▸ Task instructions
Count, in the entries below, the lines in which "IFCINDEXEDPOLYGONALFACE" occurs. Give the number, nothing more.

== Segment start ==

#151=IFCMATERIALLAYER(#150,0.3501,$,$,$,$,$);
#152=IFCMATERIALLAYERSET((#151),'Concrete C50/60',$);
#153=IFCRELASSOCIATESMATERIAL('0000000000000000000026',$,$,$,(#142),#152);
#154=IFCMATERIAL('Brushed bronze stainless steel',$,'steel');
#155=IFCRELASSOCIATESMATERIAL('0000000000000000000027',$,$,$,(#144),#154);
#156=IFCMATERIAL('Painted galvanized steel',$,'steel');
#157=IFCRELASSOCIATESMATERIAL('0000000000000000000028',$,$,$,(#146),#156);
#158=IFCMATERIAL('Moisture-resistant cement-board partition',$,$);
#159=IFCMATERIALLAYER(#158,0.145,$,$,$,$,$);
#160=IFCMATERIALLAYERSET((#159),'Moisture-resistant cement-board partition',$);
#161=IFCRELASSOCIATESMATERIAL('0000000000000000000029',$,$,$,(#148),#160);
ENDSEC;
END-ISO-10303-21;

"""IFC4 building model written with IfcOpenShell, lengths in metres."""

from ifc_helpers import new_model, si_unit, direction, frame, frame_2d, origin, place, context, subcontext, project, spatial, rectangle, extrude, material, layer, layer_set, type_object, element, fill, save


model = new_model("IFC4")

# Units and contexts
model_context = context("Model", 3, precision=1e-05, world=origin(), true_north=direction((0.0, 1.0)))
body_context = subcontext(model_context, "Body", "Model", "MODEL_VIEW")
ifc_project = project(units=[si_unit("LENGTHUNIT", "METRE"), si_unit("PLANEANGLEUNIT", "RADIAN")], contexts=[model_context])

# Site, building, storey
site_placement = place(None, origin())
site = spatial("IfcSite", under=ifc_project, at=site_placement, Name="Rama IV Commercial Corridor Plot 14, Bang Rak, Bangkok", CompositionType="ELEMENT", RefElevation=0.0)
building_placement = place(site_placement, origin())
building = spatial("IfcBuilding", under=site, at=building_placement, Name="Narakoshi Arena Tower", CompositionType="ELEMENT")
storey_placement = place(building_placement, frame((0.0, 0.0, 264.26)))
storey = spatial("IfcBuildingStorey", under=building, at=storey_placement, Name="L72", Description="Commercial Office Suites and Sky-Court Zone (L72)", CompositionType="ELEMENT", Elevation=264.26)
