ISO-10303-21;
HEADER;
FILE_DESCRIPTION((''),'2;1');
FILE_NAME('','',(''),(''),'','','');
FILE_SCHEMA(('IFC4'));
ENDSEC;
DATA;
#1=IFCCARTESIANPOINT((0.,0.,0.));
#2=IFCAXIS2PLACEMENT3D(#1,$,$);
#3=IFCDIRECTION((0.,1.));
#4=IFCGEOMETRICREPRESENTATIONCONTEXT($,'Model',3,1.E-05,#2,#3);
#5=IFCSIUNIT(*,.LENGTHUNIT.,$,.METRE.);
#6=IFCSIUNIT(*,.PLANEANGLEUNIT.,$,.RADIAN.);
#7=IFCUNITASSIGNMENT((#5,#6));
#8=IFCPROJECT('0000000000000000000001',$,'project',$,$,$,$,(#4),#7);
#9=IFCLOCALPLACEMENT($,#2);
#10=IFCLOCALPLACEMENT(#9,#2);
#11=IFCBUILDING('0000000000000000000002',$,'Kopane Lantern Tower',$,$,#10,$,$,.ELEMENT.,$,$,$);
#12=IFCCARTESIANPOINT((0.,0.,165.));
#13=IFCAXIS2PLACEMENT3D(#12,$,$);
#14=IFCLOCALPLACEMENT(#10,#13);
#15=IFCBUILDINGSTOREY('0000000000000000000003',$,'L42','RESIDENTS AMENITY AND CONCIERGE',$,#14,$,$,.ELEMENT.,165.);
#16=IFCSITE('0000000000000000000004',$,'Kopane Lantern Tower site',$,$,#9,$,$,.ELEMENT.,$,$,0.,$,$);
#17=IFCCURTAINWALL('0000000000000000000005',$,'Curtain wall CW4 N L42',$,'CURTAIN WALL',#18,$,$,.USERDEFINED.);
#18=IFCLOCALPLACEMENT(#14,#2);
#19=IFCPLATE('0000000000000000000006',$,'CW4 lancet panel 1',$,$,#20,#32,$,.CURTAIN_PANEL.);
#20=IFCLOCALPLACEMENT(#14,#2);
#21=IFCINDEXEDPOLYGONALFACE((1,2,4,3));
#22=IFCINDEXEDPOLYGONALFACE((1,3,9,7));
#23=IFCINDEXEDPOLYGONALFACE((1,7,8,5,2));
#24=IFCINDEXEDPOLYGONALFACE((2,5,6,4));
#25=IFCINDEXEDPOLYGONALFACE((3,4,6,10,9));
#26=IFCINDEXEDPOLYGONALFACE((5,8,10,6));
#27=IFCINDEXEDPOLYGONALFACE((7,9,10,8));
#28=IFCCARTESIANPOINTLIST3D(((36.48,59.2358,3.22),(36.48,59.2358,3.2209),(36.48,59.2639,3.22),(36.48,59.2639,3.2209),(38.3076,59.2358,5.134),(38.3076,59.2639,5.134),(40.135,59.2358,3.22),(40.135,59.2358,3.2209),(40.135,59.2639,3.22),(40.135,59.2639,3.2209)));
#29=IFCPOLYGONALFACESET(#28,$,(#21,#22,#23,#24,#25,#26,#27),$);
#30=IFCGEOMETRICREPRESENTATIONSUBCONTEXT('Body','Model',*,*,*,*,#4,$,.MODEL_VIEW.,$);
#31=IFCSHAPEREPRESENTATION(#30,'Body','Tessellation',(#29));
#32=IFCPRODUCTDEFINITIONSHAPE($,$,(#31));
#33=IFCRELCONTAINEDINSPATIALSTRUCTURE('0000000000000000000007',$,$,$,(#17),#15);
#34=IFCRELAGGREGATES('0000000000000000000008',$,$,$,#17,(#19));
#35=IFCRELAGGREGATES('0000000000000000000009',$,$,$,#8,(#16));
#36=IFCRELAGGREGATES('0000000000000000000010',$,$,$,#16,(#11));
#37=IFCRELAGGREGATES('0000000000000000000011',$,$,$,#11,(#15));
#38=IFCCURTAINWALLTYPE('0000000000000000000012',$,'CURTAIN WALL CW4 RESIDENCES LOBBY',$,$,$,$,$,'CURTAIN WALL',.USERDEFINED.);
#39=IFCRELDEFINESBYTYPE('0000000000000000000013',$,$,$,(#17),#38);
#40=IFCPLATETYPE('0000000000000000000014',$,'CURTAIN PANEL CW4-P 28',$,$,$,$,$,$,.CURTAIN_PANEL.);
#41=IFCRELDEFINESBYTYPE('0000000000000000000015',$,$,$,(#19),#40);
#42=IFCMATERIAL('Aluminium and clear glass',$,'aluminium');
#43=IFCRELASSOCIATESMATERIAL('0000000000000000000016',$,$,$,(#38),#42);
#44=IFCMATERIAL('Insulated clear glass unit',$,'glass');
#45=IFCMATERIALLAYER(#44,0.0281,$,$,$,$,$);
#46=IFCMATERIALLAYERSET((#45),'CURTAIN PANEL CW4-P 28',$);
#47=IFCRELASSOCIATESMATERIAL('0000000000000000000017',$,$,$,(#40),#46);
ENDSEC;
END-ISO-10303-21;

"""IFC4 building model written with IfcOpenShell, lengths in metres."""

from ifc_helpers import new_model, si_unit, direction, frame, origin, place, context, subcontext, project, spatial, polyline, outline, extrude, material, layer, layer_set, type_object, element, aggregate, save


model = new_model("IFC4")

# Units and contexts
model_context = context("Model", 3, precision=1e-05, world=origin(), true_north=direction((0.0, 1.0)))
body_context = subcontext(model_context, "Body", "Model", "MODEL_VIEW")
ifc_project = project(units=[si_unit("LENGTHUNIT", "METRE"), si_unit("PLANEANGLEUNIT", "RADIAN")], contexts=[model_context])

# Site, building, storey
site_placement = place(None, origin())
site = spatial("IfcSite", under=ifc_project, at=site_placement, Name="Kopane Lantern Tower site", CompositionType="ELEMENT", RefElevation=0.0)
building_placement = place(site_placement, origin())
building = spatial("IfcBuilding", under=site, at=building_placement, Name="Kopane Lantern Tower", CompositionType="ELEMENT")
storey_placement = place(building_placement, frame((0.0, 0.0, 165.0)))
storey = spatial("IfcBuildingStorey", under=building, at=storey_placement, Name="L42", Description="RESIDENTS AMENITY AND CONCIERGE", CompositionType="ELEMENT", Elevation=165.0)

# Shared definitions
ifc_material_1 = material(Name="Aluminium and clear glass", Category="aluminium")
curtain_wall_type = type_object("IfcCurtainWallType", Name="CURTAIN WALL CW4 RESIDENCES LOBBY", ElementType="CURTAIN WALL", PredefinedType="USERDEFINED", material=ifc_material_1)

# Curtain wall
curtain_wall_1_placement = place(storey_placement, origin())
curtain_wall_1 = element("IfcCurtainWall", 1, at=curtain_wall_1_placement, inside=storey, type_object=curtain_wall_type, Name="Curtain wall CW4 N L42", ObjectType="CURTAIN WALL", PredefinedType="USERDEFINED")

# Plate
ifc_material_2 = material(Name="Insulated clear glass unit", Category="glass")
ifc_layer = layer(ifc_material_2, 0.0281)
ifc_layer_set = layer_set([ifc_layer], Name="CURTAIN PANEL CW4-P 28")
plate_type = type_object("IfcPlateType", Name="CURTAIN PANEL CW4-P 28", PredefinedType="CURTAIN_PANEL", material=ifc_layer_set)
plate_1_placement = place(storey_placement, frame((40.135, 59.25, 3.22), z_axis=(0.0, 0.0, 1.0), x_axis=(-1.0, 0.0, 0.0)))
plate_1 = element("IfcPlate", 2, at=plate_1_placement, type_object=plate_type, Name="CW4 lancet panel 1", PredefinedType="CURTAIN_PANEL", context=body_context, shape_type="SweptSolid", body=[
    extrude(outline(polyline([(0.0, 0.0), (3.655, 0.0), (3.655, 0.001), (1.8274, 1.9141), (0.0, 0.001), (0.0, 0.0)])), frame((0.0, 0.0142, 0.0), z_axis=(0.0, -1.0, 0.0), x_axis=(1.0, 0.0, 0.0)), (0.0, 0.0, 1.0), 0.0281),
])
aggregate(curtain_wall_1, [plate_1])

save(model, "model.ifc")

== Segment end ==

▸ Response to this exercise
7